## Given data
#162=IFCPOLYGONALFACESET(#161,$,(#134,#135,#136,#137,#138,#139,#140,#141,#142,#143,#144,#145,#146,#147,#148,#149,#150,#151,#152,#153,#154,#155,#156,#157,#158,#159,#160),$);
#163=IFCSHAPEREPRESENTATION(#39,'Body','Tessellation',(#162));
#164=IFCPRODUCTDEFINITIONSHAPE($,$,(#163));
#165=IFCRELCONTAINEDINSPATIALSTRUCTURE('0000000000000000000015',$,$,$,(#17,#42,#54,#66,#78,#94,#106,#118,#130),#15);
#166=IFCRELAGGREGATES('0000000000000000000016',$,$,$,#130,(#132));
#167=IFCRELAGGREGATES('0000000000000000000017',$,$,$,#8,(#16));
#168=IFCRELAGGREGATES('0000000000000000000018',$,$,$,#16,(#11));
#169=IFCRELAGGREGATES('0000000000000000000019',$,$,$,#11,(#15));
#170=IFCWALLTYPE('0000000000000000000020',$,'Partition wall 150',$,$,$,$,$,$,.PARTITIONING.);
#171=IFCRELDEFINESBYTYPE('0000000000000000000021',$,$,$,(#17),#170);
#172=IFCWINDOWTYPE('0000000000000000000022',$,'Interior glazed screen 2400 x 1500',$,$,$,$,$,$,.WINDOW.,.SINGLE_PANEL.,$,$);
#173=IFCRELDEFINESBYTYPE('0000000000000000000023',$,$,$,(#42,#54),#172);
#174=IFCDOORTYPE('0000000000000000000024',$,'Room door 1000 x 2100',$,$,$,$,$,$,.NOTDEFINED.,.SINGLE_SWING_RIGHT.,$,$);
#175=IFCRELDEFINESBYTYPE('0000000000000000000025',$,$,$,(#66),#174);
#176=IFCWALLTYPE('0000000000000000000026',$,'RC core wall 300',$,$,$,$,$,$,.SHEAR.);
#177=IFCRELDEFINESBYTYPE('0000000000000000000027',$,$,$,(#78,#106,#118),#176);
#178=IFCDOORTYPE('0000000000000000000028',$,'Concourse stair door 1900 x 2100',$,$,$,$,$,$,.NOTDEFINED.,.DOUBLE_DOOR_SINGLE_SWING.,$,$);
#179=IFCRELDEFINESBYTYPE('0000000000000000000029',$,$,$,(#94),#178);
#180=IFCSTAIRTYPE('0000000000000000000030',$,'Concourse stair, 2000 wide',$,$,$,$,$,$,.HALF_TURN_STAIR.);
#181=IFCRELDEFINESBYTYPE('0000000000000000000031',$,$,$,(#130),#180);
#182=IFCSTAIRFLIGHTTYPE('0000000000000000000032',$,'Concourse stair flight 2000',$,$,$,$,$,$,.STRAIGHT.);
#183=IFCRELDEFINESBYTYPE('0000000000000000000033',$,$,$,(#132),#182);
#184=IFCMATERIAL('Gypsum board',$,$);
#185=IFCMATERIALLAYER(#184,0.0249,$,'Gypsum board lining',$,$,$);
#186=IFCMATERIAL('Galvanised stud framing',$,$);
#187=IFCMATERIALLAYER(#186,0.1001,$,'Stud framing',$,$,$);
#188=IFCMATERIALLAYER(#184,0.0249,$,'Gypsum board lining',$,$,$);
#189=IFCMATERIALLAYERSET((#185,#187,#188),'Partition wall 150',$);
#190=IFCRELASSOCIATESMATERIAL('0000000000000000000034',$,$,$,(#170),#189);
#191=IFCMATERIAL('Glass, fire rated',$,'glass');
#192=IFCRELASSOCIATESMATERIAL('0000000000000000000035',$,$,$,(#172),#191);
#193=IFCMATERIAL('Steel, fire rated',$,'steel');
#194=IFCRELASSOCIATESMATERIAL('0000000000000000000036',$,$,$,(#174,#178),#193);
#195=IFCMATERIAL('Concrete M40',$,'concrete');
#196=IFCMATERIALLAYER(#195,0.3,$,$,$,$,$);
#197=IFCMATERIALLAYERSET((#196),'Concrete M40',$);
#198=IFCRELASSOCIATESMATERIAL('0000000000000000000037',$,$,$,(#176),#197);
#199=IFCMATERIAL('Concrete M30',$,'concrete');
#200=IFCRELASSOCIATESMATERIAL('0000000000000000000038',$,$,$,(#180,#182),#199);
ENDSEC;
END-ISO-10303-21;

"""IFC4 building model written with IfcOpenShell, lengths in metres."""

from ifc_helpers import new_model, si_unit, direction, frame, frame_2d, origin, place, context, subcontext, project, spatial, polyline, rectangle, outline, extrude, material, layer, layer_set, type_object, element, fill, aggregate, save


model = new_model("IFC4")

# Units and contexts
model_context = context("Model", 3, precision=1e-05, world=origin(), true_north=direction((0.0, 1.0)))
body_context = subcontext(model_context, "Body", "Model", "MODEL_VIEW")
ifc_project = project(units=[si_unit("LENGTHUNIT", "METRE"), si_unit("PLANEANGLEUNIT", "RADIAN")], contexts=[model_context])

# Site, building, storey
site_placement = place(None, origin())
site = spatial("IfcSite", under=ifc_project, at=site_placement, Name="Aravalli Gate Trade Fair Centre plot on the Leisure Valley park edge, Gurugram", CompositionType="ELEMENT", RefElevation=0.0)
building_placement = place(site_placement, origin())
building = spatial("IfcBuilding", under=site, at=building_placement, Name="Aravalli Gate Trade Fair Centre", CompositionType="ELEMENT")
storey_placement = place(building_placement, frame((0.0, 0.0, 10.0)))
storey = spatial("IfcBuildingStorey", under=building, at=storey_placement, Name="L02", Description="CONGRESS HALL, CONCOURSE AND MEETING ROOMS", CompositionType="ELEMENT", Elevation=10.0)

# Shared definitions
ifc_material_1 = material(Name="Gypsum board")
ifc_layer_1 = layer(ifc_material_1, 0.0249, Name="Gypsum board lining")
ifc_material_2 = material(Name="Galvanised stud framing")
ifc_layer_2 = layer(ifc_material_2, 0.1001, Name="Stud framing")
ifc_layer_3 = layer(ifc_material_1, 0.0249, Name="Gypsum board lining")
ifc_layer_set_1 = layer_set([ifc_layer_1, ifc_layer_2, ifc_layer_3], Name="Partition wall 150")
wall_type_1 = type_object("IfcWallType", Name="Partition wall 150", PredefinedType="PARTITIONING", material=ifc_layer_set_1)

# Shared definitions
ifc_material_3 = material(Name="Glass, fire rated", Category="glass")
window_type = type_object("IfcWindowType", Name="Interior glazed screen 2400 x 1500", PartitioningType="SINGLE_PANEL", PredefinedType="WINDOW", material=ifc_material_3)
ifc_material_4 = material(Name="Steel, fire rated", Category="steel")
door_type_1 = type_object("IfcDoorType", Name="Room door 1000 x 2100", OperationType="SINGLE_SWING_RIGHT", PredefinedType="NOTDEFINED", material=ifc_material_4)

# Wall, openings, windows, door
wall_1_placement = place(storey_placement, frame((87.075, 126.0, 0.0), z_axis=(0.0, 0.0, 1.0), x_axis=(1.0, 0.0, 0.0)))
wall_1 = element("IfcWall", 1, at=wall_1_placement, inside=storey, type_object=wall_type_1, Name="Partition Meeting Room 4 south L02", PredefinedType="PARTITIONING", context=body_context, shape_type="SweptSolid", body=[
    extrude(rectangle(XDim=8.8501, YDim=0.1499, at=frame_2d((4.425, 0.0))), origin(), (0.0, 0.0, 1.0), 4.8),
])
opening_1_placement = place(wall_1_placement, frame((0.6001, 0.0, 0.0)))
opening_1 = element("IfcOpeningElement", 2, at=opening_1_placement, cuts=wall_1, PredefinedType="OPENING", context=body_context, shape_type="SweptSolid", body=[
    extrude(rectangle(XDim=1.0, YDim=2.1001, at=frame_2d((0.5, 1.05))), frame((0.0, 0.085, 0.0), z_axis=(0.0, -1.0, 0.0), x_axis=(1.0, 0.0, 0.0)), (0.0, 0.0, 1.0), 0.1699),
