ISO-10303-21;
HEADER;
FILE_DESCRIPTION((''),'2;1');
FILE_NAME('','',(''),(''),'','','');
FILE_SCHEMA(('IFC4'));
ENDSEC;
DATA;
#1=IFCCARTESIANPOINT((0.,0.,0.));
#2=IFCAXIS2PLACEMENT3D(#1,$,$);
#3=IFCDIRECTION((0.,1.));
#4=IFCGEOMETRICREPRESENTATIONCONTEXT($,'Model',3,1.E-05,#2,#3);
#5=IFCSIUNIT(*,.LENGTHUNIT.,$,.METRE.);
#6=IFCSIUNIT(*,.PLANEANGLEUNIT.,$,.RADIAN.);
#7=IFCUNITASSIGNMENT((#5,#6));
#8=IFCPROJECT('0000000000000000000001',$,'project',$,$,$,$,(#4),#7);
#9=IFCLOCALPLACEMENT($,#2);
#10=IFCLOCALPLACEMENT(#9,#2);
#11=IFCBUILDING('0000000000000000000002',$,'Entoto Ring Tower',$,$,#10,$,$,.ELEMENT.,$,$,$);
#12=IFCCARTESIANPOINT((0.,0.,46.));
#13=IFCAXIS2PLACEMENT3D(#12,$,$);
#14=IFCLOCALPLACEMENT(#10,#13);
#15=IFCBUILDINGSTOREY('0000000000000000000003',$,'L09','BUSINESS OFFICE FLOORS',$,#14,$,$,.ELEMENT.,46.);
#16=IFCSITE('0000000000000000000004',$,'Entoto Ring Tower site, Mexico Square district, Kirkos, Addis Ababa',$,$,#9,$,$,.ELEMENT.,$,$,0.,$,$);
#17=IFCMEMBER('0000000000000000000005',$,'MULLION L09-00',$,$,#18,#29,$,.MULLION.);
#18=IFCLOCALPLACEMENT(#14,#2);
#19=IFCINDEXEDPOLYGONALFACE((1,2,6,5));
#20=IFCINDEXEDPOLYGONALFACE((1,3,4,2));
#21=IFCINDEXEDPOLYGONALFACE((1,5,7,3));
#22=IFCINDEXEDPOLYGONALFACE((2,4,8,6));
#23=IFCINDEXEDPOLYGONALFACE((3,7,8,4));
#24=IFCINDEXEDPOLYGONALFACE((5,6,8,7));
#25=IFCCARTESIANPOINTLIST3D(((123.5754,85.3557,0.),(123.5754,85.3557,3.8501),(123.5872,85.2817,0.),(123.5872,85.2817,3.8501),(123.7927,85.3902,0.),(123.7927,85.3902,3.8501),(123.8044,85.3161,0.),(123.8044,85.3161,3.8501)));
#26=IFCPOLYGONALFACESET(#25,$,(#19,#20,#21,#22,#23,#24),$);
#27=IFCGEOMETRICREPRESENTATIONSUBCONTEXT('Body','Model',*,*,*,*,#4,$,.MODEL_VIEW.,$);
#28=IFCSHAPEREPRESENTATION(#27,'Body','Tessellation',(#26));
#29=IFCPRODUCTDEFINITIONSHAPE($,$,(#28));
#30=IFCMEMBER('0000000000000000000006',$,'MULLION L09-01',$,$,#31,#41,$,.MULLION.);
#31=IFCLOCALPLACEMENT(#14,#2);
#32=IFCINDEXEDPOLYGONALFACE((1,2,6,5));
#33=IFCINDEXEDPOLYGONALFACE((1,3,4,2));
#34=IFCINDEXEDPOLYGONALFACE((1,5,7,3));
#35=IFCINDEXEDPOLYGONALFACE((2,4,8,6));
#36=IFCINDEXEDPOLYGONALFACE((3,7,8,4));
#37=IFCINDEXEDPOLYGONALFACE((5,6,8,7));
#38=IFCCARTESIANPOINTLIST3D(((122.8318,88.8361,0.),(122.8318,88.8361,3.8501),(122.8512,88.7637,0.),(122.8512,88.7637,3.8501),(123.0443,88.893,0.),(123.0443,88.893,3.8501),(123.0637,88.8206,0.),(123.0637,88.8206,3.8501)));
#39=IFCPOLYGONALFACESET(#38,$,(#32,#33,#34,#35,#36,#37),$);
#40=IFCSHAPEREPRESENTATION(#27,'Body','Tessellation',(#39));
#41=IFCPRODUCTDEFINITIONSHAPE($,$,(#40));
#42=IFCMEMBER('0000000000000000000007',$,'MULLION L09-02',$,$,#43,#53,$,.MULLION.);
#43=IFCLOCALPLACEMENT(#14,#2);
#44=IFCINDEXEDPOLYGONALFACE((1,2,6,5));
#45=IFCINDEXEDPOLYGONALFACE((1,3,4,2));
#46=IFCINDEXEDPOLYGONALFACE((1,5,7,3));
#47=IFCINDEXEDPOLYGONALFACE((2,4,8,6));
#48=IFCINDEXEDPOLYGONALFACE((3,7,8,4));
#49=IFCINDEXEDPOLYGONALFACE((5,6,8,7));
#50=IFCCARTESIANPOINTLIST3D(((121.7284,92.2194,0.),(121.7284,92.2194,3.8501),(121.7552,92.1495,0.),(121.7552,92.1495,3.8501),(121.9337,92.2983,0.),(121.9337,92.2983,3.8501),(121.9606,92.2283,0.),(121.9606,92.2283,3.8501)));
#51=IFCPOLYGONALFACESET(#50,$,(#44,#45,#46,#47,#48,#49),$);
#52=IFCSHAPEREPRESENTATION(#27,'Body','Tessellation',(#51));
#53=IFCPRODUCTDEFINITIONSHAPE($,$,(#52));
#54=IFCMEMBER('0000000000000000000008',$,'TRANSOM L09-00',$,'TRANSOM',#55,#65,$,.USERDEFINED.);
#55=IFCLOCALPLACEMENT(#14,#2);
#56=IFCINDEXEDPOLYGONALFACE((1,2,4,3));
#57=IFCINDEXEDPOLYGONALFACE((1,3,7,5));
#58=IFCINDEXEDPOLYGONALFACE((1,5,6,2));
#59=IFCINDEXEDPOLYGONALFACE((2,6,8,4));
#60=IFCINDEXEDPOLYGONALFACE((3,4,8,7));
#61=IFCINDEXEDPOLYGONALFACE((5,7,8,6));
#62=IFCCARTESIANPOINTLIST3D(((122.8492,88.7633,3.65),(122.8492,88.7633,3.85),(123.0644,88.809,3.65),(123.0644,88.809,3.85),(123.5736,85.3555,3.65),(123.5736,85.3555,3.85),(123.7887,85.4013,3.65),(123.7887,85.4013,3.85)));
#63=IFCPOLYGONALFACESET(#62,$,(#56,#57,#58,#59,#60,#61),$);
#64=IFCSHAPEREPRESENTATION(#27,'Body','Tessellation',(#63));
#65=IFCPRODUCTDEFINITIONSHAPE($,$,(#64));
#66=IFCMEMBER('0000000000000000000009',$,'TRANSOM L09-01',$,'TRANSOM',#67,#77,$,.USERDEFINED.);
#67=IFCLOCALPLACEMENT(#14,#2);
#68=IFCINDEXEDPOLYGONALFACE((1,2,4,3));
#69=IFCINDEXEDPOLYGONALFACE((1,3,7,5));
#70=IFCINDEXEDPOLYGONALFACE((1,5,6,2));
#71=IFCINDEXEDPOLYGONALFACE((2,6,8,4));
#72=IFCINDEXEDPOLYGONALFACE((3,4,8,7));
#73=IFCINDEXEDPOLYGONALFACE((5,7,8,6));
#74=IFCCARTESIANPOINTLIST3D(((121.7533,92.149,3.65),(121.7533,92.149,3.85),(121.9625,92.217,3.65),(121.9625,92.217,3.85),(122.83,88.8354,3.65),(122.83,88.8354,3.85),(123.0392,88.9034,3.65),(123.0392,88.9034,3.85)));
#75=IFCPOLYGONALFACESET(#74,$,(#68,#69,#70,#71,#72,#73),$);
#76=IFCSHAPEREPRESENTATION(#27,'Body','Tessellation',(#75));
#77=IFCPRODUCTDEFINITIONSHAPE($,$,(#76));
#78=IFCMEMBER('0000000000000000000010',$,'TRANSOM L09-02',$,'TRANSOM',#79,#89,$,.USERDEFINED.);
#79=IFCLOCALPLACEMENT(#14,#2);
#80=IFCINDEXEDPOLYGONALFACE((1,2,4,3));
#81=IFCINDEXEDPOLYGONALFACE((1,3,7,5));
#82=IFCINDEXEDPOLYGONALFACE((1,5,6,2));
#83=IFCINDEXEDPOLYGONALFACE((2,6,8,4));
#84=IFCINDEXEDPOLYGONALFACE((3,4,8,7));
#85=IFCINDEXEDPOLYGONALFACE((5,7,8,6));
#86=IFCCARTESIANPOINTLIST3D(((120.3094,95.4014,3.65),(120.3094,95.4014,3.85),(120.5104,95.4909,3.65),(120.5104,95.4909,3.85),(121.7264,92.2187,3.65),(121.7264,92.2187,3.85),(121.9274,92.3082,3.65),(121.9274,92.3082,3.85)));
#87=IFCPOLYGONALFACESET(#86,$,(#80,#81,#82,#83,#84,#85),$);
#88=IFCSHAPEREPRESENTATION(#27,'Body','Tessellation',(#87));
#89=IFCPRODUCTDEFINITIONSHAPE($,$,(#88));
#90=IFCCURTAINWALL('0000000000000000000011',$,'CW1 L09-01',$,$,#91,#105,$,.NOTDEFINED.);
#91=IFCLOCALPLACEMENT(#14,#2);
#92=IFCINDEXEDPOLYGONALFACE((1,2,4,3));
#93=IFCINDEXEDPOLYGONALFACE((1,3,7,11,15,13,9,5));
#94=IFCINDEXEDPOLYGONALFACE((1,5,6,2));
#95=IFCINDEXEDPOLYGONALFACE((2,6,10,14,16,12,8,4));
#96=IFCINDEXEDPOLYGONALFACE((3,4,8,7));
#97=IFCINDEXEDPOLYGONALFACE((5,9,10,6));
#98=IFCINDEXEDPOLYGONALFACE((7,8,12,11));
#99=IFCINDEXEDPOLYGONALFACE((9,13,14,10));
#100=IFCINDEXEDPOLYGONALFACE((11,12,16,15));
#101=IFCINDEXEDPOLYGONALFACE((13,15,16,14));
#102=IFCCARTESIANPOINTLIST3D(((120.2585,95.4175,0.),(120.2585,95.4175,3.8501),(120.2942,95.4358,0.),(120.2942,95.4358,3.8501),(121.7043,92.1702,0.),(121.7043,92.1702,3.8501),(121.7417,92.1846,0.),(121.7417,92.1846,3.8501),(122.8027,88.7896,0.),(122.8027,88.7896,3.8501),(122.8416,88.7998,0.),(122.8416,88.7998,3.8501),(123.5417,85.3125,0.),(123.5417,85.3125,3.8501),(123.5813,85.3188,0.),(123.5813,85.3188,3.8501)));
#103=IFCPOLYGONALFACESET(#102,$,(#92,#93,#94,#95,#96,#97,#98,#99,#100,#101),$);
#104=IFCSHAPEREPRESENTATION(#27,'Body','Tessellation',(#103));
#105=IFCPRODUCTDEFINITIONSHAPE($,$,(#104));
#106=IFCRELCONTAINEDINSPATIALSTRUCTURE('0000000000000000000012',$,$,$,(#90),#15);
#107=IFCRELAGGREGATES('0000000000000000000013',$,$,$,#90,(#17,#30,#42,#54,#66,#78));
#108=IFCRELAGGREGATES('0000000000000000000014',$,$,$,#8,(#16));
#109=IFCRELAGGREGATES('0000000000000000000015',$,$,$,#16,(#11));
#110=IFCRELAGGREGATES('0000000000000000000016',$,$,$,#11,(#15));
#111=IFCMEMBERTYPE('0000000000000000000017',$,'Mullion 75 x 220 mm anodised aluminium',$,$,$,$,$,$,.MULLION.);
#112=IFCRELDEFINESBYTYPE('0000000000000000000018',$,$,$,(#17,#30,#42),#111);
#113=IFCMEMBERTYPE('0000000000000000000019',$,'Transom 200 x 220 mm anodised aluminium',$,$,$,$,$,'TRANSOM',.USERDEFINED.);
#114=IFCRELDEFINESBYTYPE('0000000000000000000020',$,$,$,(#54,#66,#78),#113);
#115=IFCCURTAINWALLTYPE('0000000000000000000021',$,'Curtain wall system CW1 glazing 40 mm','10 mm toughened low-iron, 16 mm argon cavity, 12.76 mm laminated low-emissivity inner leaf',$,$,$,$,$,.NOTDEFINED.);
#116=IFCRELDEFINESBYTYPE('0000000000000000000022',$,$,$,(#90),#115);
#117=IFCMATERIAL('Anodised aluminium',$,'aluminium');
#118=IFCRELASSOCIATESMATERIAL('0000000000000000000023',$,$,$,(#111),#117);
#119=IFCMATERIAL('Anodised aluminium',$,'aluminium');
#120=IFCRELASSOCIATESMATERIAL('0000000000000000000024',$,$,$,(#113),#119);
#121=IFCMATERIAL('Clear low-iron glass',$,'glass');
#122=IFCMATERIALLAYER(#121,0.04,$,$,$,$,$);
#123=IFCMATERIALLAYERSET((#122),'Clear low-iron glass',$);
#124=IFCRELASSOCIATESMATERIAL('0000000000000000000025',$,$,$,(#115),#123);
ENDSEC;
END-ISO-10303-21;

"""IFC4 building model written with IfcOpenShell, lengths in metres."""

from ifc_helpers import new_model, si_unit, direction, frame, origin, origin_2d, place, context, subcontext, project, spatial, polyline, rectangle, outline, extrude, material, layer, layer_set, material_profile, profile_set, type_object, element, aggregate, save


model = new_model("IFC4")

# Units and contexts
model_context = context("Model", 3, precision=1e-05, world=origin(), true_north=direction((0.0, 1.0)))
body_context = subcontext(model_context, "Body", "Model", "MODEL_VIEW")
ifc_project = project(units=[si_unit("LENGTHUNIT", "METRE"), si_unit("PLANEANGLEUNIT", "RADIAN")], contexts=[model_context])

# Members
ifc_material_1 = material(Name="Anodised aluminium", Category="aluminium")
ifc_material_profile_1 = material_profile(ifc_material_1, rectangle(XDim=0.075, YDim=0.22, at=origin_2d()), Name="Mullion 75 x 220 mm anodised aluminium")
ifc_profile_set_1 = profile_set([ifc_material_profile_1], Name="Anodised aluminium")
member_type_1 = type_object("IfcMemberType", Name="Mullion 75 x 220 mm anodised aluminium", PredefinedType="MULLION", material=ifc_profile_set_1)
site_placement = place(None, origin())
building_placement = place(site_placement, origin())
storey_placement = place(building_placement, frame((0.0, 0.0, 46.0)))
member_1_placement = place(storey_placement, frame((123.6899, 85.3359, 0.0), z_axis=(0.0, 0.0, 1.0), x_axis=(-0.156434, 0.987688, 0.0)))
member_1 = element("IfcMember", 1, at=member_1_placement, type_object=member_type_1, Name="MULLION L09-00", PredefinedType="MULLION", context=body_context, shape_type="SweptSolid", body=[
    extrude(rectangle(XDim=0.075, YDim=0.22, at=origin_2d()), origin(), (0.0, 0.0, 1.0), 3.8501),
])
member_2_placement = place(storey_placement, frame((122.9478, 88.8284, 0.0), z_axis=(0.0, 0.0, 1.0), x_axis=(-0.258819, 0.965926, 0.0)))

## Exercise instructions
Out of the entries, pull every line that mentions "Clear".

## Solution
#121=IFCMATERIAL('Clear low-iron glass',$,'glass');
#123=IFCMATERIALLAYERSET((#122),'Clear low-iron glass',$);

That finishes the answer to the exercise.